▶ Task prompt
Copy the complete listing exactly as shown.

▶ Excerpted data
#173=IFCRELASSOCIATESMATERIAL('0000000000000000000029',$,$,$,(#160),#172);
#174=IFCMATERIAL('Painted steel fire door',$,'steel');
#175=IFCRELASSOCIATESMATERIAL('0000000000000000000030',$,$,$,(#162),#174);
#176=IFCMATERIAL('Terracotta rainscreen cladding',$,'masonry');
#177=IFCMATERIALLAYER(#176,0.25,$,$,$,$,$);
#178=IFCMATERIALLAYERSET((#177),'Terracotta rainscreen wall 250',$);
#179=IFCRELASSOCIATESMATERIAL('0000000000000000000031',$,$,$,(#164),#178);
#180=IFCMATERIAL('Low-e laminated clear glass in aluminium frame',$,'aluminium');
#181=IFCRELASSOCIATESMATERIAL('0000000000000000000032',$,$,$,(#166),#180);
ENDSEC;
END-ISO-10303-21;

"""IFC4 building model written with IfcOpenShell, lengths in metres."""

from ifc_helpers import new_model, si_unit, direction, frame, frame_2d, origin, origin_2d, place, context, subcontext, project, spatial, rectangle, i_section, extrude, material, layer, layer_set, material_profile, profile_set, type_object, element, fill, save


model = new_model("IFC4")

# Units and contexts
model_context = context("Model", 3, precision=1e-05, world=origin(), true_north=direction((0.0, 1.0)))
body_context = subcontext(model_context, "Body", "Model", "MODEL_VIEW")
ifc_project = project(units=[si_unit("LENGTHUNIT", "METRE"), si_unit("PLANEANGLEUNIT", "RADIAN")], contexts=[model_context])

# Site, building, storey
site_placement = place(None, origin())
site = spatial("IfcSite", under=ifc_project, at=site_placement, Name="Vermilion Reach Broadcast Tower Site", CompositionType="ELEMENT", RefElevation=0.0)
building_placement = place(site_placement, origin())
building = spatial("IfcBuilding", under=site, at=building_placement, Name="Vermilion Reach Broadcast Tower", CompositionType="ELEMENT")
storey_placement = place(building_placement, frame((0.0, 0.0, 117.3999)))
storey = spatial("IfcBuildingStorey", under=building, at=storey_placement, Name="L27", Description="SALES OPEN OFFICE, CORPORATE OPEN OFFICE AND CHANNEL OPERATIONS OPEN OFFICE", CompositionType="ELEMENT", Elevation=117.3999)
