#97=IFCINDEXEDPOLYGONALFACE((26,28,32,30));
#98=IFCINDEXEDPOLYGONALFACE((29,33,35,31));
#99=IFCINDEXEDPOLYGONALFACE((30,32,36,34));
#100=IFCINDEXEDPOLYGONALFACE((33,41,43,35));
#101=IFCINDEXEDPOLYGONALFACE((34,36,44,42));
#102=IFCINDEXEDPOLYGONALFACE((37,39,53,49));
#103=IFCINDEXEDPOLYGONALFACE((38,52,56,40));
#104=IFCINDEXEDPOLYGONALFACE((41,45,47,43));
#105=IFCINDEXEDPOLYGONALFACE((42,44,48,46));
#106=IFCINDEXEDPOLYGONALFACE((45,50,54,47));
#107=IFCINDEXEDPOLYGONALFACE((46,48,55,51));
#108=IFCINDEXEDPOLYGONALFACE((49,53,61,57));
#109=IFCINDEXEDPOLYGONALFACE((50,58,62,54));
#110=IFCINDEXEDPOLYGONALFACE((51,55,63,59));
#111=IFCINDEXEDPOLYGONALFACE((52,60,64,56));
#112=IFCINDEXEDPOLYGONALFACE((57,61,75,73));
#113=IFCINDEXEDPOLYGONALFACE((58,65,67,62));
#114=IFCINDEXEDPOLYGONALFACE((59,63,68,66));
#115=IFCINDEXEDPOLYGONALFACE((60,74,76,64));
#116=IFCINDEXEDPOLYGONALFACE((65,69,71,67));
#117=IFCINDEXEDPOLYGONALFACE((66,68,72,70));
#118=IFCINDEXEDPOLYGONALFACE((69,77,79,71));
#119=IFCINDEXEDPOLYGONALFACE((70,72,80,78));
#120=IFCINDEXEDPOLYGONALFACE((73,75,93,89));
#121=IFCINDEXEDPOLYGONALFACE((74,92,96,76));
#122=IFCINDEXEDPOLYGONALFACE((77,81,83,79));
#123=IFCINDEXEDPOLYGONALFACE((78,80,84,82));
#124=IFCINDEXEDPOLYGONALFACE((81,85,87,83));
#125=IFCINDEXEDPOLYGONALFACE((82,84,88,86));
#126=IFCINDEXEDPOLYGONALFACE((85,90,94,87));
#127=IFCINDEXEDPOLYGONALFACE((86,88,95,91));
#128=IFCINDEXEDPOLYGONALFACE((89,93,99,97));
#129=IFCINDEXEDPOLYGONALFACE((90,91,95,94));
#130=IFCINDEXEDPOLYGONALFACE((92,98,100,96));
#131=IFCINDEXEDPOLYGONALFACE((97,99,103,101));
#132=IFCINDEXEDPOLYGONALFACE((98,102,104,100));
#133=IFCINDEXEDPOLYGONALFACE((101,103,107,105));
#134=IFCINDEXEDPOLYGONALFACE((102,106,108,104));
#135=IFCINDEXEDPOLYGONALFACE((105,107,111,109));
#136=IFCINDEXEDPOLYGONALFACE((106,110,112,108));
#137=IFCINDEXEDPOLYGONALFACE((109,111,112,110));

▶ Result
#173=IFCRELASSOCIATESMATERIAL('0000000000000000000029',$,$,$,(#160),#172);
#174=IFCMATERIAL('Painted steel fire door',$,'steel');
#175=IFCRELASSOCIATESMATERIAL('0000000000000000000030',$,$,$,(#162),#174);
#176=IFCMATERIAL('Terracotta rainscreen cladding',$,'masonry');
#177=IFCMATERIALLAYER(#176,0.25,$,$,$,$,$);
#178=IFCMATERIALLAYERSET((#177),'Terracotta rainscreen wall 250',$);
#179=IFCRELASSOCIATESMATERIAL('0000000000000000000031',$,$,$,(#164),#178);
#180=IFCMATERIAL('Low-e laminated clear glass in aluminium frame',$,'aluminium');
#181=IFCRELASSOCIATESMATERIAL('0000000000000000000032',$,$,$,(#166),#180);
ENDSEC;
END-ISO-10303-21;

"""IFC4 building model written with IfcOpenShell, lengths in metres."""

from ifc_helpers import new_model, si_unit, direction, frame, frame_2d, origin, origin_2d, place, context, subcontext, project, spatial, rectangle, i_section, extrude, material, layer, layer_set, material_profile, profile_set, type_object, element, fill, save


model = new_model("IFC4")

# Units and contexts
model_context = context("Model", 3, precision=1e-05, world=origin(), true_north=direction((0.0, 1.0)))
body_context = subcontext(model_context, "Body", "Model", "MODEL_VIEW")
ifc_project = project(units=[si_unit("LENGTHUNIT", "METRE"), si_unit("PLANEANGLEUNIT", "RADIAN")], contexts=[model_context])

# Site, building, storey
site_placement = place(None, origin())
site = spatial("IfcSite", under=ifc_project, at=site_placement, Name="Vermilion Reach Broadcast Tower Site", CompositionType="ELEMENT", RefElevation=0.0)
building_placement = place(site_placement, origin())
building = spatial("IfcBuilding", under=site, at=building_placement, Name="Vermilion Reach Broadcast Tower", CompositionType="ELEMENT")
storey_placement = place(building_placement, frame((0.0, 0.0, 117.3999)))
storey = spatial("IfcBuildingStorey", under=building, at=storey_placement, Name="L27", Description="SALES OPEN OFFICE, CORPORATE OPEN OFFICE AND CHANNEL OPERATIONS OPEN OFFICE", CompositionType="ELEMENT", Elevation=117.3999)
#97=IFCINDEXEDPOLYGONALFACE((26,28,32,30));
#98=IFCINDEXEDPOLYGONALFACE((29,33,35,31));
#99=IFCINDEXEDPOLYGONALFACE((30,32,36,34));
#100=IFCINDEXEDPOLYGONALFACE((33,41,43,35));
#101=IFCINDEXEDPOLYGONALFACE((34,36,44,42));
#102=IFCINDEXEDPOLYGONALFACE((37,39,53,49));
#103=IFCINDEXEDPOLYGONALFACE((38,52,56,40));
#104=IFCINDEXEDPOLYGONALFACE((41,45,47,43));
#105=IFCINDEXEDPOLYGONALFACE((42,44,48,46));
#106=IFCINDEXEDPOLYGONALFACE((45,50,54,47));
#107=IFCINDEXEDPOLYGONALFACE((46,48,55,51));
#108=IFCINDEXEDPOLYGONALFACE((49,53,61,57));
#109=IFCINDEXEDPOLYGONALFACE((50,58,62,54));
#110=IFCINDEXEDPOLYGONALFACE((51,55,63,59));
#111=IFCINDEXEDPOLYGONALFACE((52,60,64,56));
#112=IFCINDEXEDPOLYGONALFACE((57,61,75,73));
#113=IFCINDEXEDPOLYGONALFACE((58,65,67,62));
#114=IFCINDEXEDPOLYGONALFACE((59,63,68,66));
#115=IFCINDEXEDPOLYGONALFACE((60,74,76,64));
#116=IFCINDEXEDPOLYGONALFACE((65,69,71,67));
#117=IFCINDEXEDPOLYGONALFACE((66,68,72,70));
#118=IFCINDEXEDPOLYGONALFACE((69,77,79,71));
#119=IFCINDEXEDPOLYGONALFACE((70,72,80,78));
#120=IFCINDEXEDPOLYGONALFACE((73,75,93,89));
#121=IFCINDEXEDPOLYGONALFACE((74,92,96,76));
#122=IFCINDEXEDPOLYGONALFACE((77,81,83,79));
#123=IFCINDEXEDPOLYGONALFACE((78,80,84,82));
#124=IFCINDEXEDPOLYGONALFACE((81,85,87,83));
#125=IFCINDEXEDPOLYGONALFACE((82,84,88,86));
#126=IFCINDEXEDPOLYGONALFACE((85,90,94,87));
#127=IFCINDEXEDPOLYGONALFACE((86,88,95,91));
#128=IFCINDEXEDPOLYGONALFACE((89,93,99,97));
#129=IFCINDEXEDPOLYGONALFACE((90,91,95,94));
#130=IFCINDEXEDPOLYGONALFACE((92,98,100,96));
#131=IFCINDEXEDPOLYGONALFACE((97,99,103,101));
#132=IFCINDEXEDPOLYGONALFACE((98,102,104,100));
#133=IFCINDEXEDPOLYGONALFACE((101,103,107,105));
#134=IFCINDEXEDPOLYGONALFACE((102,106,108,104));
#135=IFCINDEXEDPOLYGONALFACE((105,107,111,109));
#136=IFCINDEXEDPOLYGONALFACE((106,110,112,108));
#137=IFCINDEXEDPOLYGONALFACE((109,111,112,110));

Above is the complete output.